- _EXERCISE_
Which lines in the records below contain the word "IFCRELAGGREGATES"? Copy each one.

━━━ SUPPLIED INFORMATION ━━━

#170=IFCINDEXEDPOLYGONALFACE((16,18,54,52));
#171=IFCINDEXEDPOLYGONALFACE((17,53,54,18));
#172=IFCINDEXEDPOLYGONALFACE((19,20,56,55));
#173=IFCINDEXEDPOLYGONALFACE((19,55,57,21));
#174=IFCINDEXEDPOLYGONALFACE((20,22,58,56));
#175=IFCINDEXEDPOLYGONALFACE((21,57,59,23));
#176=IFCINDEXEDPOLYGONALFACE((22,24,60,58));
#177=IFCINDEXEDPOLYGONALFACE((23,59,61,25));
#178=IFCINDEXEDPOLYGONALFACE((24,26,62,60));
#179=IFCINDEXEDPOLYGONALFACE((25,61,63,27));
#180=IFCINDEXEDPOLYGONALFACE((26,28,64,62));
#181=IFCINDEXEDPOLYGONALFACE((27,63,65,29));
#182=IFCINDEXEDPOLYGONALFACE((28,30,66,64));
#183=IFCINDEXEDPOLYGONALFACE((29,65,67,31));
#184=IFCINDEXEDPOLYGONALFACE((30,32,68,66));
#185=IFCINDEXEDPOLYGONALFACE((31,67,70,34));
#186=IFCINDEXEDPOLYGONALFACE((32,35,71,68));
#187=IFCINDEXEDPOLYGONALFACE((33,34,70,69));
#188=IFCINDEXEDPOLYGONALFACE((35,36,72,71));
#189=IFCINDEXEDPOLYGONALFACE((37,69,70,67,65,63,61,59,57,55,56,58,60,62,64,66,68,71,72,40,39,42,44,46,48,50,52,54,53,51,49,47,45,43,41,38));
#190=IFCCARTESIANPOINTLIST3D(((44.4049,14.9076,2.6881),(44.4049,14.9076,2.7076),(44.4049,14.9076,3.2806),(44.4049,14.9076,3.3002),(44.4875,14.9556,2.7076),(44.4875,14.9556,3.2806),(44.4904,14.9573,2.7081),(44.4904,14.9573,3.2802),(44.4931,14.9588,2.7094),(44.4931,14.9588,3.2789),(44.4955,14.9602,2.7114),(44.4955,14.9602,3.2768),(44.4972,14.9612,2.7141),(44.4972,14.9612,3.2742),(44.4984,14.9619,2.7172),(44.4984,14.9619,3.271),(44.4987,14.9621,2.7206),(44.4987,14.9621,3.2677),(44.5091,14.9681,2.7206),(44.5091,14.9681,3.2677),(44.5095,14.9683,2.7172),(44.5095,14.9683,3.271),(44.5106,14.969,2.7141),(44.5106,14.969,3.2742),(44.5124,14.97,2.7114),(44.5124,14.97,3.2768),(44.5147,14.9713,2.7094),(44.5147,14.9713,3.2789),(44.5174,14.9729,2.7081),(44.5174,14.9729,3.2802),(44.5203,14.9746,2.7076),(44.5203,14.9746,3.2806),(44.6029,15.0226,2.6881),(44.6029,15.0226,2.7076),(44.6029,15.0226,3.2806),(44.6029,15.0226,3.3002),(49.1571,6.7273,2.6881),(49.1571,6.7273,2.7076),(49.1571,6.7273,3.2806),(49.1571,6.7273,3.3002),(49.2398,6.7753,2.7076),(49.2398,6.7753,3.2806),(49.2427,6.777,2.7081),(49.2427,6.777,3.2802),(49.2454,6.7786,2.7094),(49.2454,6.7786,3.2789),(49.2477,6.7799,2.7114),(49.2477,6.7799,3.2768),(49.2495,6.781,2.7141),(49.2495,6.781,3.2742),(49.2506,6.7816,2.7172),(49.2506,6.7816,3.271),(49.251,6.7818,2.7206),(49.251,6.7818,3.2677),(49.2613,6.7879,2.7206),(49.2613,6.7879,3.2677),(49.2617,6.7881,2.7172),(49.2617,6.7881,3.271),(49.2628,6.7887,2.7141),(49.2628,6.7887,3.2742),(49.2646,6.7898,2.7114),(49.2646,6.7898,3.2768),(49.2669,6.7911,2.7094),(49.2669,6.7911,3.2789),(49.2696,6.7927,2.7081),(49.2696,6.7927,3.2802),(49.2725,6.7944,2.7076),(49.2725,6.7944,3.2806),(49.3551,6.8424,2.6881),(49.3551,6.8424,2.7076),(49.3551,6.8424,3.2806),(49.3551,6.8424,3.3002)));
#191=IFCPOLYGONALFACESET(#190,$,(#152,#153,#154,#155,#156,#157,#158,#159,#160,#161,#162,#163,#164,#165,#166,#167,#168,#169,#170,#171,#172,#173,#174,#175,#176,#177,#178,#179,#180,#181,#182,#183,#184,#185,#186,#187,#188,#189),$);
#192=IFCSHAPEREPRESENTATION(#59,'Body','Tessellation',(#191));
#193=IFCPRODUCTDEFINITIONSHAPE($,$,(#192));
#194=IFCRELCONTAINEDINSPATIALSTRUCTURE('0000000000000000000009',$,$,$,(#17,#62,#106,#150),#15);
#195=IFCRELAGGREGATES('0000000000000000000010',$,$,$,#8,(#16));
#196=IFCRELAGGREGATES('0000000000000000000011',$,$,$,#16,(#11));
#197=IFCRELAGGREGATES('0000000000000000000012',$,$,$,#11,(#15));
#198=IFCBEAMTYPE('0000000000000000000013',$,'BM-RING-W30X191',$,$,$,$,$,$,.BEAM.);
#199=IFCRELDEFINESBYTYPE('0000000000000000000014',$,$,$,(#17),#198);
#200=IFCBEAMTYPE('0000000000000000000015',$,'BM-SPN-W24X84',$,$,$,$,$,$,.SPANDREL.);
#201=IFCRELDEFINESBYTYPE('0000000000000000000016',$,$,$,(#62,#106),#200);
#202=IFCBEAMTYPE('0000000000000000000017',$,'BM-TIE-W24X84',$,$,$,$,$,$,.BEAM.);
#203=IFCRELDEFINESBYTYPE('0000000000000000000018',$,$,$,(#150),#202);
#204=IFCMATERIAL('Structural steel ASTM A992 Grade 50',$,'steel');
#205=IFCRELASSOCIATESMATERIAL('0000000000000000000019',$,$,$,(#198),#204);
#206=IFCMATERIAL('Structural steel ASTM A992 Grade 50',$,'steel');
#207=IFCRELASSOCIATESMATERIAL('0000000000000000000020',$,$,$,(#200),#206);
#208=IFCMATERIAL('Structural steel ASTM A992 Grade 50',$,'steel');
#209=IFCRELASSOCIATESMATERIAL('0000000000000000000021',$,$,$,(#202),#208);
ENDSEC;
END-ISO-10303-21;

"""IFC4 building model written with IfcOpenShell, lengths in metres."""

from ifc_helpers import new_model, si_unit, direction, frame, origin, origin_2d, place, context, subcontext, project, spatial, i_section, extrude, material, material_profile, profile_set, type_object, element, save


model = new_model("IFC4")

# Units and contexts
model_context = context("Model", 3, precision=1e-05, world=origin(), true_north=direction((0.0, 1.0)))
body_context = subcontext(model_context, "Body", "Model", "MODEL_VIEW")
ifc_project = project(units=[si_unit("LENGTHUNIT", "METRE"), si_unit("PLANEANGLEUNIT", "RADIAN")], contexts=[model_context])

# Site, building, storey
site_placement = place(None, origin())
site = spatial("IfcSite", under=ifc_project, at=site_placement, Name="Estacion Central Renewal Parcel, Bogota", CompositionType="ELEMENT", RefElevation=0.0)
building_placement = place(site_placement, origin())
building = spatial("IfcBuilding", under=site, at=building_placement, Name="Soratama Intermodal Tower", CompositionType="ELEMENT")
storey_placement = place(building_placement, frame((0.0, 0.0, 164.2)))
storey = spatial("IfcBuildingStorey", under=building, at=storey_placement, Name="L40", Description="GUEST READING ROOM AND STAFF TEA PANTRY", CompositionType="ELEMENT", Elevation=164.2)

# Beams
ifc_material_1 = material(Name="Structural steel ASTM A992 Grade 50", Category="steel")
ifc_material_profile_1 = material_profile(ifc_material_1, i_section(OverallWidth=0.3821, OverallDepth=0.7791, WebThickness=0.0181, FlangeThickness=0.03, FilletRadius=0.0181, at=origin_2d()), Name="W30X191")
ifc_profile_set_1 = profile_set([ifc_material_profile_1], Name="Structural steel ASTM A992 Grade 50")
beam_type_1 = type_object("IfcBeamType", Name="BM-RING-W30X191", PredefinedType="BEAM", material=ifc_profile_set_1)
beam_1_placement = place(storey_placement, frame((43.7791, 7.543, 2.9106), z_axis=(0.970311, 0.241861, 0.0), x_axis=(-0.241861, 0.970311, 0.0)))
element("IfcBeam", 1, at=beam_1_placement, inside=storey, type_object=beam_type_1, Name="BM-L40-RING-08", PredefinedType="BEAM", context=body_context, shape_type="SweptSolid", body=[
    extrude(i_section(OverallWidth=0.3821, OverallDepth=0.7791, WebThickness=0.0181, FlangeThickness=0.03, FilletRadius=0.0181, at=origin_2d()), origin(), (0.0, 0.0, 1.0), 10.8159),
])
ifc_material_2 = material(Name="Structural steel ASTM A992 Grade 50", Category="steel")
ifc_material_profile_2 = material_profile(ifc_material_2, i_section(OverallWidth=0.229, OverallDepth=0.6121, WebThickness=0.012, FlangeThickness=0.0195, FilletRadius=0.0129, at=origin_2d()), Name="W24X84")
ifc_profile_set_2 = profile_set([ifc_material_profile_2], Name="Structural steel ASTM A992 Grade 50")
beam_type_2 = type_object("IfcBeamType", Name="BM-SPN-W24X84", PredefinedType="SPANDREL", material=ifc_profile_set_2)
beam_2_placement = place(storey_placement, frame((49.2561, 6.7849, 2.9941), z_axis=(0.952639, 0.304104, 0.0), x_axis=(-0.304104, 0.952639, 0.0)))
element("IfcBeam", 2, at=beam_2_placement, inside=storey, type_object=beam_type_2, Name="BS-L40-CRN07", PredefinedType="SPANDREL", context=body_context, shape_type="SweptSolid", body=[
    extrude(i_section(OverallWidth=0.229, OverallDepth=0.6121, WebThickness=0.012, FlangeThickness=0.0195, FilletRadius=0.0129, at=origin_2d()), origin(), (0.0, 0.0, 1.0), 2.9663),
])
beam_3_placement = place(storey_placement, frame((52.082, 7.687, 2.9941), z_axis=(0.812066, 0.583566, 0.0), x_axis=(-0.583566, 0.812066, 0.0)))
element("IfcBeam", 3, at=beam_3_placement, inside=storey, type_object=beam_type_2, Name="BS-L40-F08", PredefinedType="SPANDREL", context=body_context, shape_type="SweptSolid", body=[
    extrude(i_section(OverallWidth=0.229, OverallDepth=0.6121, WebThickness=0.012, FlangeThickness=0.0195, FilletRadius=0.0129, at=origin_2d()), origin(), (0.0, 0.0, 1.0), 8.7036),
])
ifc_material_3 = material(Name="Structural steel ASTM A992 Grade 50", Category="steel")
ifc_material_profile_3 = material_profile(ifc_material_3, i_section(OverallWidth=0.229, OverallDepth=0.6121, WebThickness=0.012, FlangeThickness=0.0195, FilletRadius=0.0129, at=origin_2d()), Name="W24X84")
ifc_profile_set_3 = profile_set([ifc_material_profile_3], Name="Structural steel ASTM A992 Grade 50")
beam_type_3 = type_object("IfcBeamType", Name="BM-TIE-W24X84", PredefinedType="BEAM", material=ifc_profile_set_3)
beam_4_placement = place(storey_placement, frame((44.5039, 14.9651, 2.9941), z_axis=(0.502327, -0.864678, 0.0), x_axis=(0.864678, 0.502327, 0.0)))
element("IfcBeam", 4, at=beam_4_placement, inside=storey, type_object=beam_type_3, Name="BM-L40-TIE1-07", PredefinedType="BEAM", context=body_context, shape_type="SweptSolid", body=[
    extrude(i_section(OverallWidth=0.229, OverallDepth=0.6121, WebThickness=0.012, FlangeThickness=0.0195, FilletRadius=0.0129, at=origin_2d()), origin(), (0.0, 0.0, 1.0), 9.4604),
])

━━━

- _SOLUTION_
#195=IFCRELAGGREGATES('0000000000000000000010',$,$,$,#8,(#16));
#196=IFCRELAGGREGATES('0000000000000000000011',$,$,$,#16,(#11));
#197=IFCRELAGGREGATES('0000000000000000000012',$,$,$,#11,(#15));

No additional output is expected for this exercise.